(What to do) Quote exactly, and only, the lines of the material below from the line with "#40=IFCINDEXEDPOLYGONALFACE((3,4,8,7));" through the line with "#55=IFCPOLYGONALFACESET(#54,$,(#48,#49,#50,#51,#52,#53),$);".

(Data provided)

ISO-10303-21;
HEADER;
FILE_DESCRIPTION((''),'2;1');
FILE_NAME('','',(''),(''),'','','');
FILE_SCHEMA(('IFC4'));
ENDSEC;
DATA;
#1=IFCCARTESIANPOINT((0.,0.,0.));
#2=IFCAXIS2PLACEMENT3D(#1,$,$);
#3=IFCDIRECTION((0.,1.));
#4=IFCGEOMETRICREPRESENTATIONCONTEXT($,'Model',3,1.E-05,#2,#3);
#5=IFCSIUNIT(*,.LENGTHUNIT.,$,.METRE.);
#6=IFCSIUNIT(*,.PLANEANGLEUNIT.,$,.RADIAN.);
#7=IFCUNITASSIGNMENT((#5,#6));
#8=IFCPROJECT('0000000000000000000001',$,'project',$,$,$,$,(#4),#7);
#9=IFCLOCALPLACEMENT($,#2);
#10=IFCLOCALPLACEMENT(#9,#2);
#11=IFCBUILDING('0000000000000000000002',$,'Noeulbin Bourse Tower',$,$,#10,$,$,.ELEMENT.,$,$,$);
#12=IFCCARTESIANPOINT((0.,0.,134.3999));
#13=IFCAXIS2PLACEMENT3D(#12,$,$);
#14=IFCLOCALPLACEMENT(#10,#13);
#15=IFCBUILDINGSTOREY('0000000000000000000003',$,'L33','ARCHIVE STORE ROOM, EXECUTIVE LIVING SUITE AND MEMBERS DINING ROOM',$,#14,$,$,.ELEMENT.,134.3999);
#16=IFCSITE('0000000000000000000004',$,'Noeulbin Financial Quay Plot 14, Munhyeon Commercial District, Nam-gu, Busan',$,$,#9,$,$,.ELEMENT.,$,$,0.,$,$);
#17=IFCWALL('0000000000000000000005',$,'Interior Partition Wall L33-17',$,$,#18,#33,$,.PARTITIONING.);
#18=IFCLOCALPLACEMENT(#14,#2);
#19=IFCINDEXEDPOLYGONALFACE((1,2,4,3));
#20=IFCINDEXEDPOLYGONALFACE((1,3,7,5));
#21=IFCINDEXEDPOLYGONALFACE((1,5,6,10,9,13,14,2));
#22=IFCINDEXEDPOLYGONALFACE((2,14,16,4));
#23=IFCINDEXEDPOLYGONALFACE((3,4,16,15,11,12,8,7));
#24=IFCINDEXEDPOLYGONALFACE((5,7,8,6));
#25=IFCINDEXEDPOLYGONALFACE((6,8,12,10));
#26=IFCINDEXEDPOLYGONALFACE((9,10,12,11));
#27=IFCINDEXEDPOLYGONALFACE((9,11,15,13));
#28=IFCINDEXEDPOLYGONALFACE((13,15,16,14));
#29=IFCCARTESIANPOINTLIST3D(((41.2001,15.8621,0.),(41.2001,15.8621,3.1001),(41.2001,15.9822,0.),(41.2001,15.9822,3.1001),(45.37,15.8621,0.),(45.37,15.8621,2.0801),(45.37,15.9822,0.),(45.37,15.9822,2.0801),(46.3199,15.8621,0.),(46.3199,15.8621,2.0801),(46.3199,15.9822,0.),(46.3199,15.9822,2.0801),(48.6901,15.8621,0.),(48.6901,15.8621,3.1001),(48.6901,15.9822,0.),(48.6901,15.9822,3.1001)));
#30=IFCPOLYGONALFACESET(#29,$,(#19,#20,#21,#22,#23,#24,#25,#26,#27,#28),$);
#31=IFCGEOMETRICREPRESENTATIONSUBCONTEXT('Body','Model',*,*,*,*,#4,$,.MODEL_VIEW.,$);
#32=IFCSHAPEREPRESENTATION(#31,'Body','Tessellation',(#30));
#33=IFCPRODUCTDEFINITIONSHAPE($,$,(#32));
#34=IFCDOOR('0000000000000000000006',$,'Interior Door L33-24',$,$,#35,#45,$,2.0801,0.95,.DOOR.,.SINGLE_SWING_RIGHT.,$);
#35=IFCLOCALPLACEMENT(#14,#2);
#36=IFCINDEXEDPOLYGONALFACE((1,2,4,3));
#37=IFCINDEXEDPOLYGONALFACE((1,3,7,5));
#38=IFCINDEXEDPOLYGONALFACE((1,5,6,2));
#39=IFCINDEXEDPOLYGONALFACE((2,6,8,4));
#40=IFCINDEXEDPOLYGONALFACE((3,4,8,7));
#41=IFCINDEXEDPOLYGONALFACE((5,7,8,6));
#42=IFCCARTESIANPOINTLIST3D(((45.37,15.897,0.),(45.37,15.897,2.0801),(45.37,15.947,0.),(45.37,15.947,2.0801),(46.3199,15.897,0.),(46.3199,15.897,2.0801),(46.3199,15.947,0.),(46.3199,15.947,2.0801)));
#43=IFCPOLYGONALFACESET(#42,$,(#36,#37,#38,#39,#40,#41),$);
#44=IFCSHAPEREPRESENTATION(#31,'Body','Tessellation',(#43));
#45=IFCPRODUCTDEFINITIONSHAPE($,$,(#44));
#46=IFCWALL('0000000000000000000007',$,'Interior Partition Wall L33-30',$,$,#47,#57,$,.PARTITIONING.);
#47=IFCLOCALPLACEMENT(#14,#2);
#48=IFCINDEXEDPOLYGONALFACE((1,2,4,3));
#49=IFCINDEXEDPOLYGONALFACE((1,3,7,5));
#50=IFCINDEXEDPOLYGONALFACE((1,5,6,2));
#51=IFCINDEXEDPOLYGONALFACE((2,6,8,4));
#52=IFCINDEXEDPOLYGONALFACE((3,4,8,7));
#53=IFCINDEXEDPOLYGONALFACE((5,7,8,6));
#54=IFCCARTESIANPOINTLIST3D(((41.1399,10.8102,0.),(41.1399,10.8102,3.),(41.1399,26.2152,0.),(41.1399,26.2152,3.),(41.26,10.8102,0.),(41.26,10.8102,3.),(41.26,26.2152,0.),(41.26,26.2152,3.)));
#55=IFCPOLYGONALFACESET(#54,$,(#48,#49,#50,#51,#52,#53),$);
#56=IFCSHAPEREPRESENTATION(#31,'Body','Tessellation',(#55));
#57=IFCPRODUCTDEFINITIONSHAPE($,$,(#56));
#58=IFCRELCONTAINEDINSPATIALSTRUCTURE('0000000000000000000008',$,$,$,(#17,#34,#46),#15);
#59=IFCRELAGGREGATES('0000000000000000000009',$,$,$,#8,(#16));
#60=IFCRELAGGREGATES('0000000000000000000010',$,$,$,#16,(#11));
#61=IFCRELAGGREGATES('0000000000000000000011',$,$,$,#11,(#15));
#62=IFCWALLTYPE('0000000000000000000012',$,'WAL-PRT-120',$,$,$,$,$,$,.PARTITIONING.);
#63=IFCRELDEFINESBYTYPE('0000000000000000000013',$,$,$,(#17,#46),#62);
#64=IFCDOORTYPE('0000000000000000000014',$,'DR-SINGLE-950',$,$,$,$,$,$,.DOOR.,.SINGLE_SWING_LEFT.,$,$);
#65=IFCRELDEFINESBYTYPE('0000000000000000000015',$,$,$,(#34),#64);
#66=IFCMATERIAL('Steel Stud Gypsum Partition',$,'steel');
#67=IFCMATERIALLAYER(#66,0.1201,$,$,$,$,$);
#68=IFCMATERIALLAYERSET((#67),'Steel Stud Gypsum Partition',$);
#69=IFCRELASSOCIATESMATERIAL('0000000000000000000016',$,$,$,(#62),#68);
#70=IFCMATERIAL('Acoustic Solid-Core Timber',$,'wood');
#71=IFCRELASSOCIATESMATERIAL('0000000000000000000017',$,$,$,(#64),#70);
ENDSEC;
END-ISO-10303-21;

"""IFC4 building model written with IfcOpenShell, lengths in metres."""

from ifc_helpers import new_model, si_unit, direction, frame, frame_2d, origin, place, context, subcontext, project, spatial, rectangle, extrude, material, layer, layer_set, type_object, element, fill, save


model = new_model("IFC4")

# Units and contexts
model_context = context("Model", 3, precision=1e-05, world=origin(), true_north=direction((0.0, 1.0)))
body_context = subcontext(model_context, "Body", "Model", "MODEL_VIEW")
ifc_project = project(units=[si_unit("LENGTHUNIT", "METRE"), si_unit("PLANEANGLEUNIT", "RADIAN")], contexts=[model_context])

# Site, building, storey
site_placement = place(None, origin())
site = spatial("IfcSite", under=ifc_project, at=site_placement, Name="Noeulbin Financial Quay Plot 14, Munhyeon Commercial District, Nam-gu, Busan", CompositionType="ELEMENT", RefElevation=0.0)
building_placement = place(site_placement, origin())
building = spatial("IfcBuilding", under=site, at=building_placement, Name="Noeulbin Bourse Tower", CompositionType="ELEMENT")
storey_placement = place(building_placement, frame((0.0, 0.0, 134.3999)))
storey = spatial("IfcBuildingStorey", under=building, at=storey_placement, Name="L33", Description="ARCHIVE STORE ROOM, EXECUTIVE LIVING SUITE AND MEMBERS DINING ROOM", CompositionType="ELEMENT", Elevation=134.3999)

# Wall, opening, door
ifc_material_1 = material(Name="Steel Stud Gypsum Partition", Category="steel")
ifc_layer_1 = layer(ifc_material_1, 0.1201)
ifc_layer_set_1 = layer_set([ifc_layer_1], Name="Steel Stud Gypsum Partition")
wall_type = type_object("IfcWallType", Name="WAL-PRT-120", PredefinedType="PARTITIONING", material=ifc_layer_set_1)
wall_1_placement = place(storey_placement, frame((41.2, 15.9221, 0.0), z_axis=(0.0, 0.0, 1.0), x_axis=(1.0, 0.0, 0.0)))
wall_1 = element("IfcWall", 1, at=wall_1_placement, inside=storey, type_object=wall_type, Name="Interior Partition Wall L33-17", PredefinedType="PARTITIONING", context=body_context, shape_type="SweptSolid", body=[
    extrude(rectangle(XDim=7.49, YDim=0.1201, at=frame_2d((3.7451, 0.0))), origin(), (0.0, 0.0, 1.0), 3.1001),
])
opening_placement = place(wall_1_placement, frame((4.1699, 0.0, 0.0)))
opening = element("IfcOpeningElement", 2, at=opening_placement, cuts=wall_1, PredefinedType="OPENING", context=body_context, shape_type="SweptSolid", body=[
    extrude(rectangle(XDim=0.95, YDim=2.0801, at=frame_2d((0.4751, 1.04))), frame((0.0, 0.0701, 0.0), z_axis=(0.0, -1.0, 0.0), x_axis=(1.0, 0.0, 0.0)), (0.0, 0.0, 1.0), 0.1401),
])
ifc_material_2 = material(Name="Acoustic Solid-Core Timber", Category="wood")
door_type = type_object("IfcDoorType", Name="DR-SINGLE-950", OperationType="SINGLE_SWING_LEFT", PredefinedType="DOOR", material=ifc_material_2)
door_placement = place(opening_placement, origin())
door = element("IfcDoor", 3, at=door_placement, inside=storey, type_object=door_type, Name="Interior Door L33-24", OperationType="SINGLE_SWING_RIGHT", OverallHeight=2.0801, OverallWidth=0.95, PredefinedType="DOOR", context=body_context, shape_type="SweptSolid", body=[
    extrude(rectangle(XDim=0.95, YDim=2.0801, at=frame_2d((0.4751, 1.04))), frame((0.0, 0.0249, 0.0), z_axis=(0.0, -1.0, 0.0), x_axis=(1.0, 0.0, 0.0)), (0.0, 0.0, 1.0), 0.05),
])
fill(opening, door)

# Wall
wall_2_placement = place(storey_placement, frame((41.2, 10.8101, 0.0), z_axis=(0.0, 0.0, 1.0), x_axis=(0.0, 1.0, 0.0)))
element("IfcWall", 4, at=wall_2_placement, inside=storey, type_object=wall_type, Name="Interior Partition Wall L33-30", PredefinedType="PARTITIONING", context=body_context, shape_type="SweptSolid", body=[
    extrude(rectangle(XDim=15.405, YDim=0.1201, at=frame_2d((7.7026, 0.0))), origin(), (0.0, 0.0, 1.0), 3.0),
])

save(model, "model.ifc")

(Completed task)
#40=IFCINDEXEDPOLYGONALFACE((3,4,8,7));
#41=IFCINDEXEDPOLYGONALFACE((5,7,8,6));
#42=IFCCARTESIANPOINTLIST3D(((45.37,15.897,0.),(45.37,15.897,2.0801),(45.37,15.947,0.),(45.37,15.947,2.0801),(46.3199,15.897,0.),(46.3199,15.897,2.0801),(46.3199,15.947,0.),(46.3199,15.947,2.0801)));
#43=IFCPOLYGONALFACESET(#42,$,(#36,#37,#38,#39,#40,#41),$);
#44=IFCSHAPEREPRESENTATION(#31,'Body','Tessellation',(#43));
#45=IFCPRODUCTDEFINITIONSHAPE($,$,(#44));
#46=IFCWALL('0000000000000000000007',$,'Interior Partition Wall L33-30',$,$,#47,#57,$,.PARTITIONING.);
#47=IFCLOCALPLACEMENT(#14,#2);
#48=IFCINDEXEDPOLYGONALFACE((1,2,4,3));
#49=IFCINDEXEDPOLYGONALFACE((1,3,7,5));
#50=IFCINDEXEDPOLYGONALFACE((1,5,6,2));
#51=IFCINDEXEDPOLYGONALFACE((2,6,8,4));
#52=IFCINDEXEDPOLYGONALFACE((3,4,8,7));
#53=IFCINDEXEDPOLYGONALFACE((5,7,8,6));
#54=IFCCARTESIANPOINTLIST3D(((41.1399,10.8102,0.),(41.1399,10.8102,3.),(41.1399,26.2152,0.),(41.1399,26.2152,3.),(41.26,10.8102,0.),(41.26,10.8102,3.),(41.26,26.2152,0.),(41.26,26.2152,3.)));
#55=IFCPOLYGONALFACESET(#54,$,(#48,#49,#50,#51,#52,#53),$);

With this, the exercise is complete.